Task
Go through the lines below and copy each one that holds the string "DOGLEG".

Record excerpts

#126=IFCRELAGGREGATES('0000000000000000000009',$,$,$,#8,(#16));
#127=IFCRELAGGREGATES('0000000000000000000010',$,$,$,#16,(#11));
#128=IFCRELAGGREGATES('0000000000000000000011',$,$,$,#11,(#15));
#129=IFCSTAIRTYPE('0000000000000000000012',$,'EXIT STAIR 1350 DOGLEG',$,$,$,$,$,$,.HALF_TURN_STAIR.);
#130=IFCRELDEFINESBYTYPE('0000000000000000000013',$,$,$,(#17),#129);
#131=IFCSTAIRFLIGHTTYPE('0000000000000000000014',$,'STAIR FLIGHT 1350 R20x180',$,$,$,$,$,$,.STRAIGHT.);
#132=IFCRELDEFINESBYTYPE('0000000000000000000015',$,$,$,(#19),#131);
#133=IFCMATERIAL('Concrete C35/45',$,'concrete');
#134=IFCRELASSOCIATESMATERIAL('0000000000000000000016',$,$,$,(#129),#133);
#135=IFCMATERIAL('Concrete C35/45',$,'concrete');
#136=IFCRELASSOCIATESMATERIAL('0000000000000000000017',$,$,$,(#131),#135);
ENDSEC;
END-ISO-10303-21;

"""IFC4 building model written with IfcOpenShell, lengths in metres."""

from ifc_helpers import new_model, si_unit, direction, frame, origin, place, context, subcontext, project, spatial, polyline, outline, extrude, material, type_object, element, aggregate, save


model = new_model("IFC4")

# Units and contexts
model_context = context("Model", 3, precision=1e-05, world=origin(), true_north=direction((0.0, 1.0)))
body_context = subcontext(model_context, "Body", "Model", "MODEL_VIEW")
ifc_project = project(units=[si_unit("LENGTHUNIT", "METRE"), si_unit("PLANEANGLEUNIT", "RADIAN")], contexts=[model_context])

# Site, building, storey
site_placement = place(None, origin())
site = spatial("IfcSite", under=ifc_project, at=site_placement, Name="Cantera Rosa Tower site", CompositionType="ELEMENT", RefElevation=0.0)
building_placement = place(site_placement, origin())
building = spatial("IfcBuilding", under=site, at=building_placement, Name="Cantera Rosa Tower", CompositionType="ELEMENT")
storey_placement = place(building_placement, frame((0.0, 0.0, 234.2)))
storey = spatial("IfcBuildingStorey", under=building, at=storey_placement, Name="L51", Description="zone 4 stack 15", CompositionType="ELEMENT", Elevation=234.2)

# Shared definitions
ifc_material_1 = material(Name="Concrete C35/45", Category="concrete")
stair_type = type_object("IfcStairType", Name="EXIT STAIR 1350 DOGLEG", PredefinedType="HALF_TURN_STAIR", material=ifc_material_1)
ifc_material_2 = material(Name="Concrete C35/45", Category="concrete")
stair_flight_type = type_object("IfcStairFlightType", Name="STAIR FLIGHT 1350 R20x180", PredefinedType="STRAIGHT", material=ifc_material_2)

Result
#129=IFCSTAIRTYPE('0000000000000000000012',$,'EXIT STAIR 1350 DOGLEG',$,$,$,$,$,$,.HALF_TURN_STAIR.);
stair_type = type_object("IfcStairType", Name="EXIT STAIR 1350 DOGLEG", PredefinedType="HALF_TURN_STAIR", material=ifc_material_1)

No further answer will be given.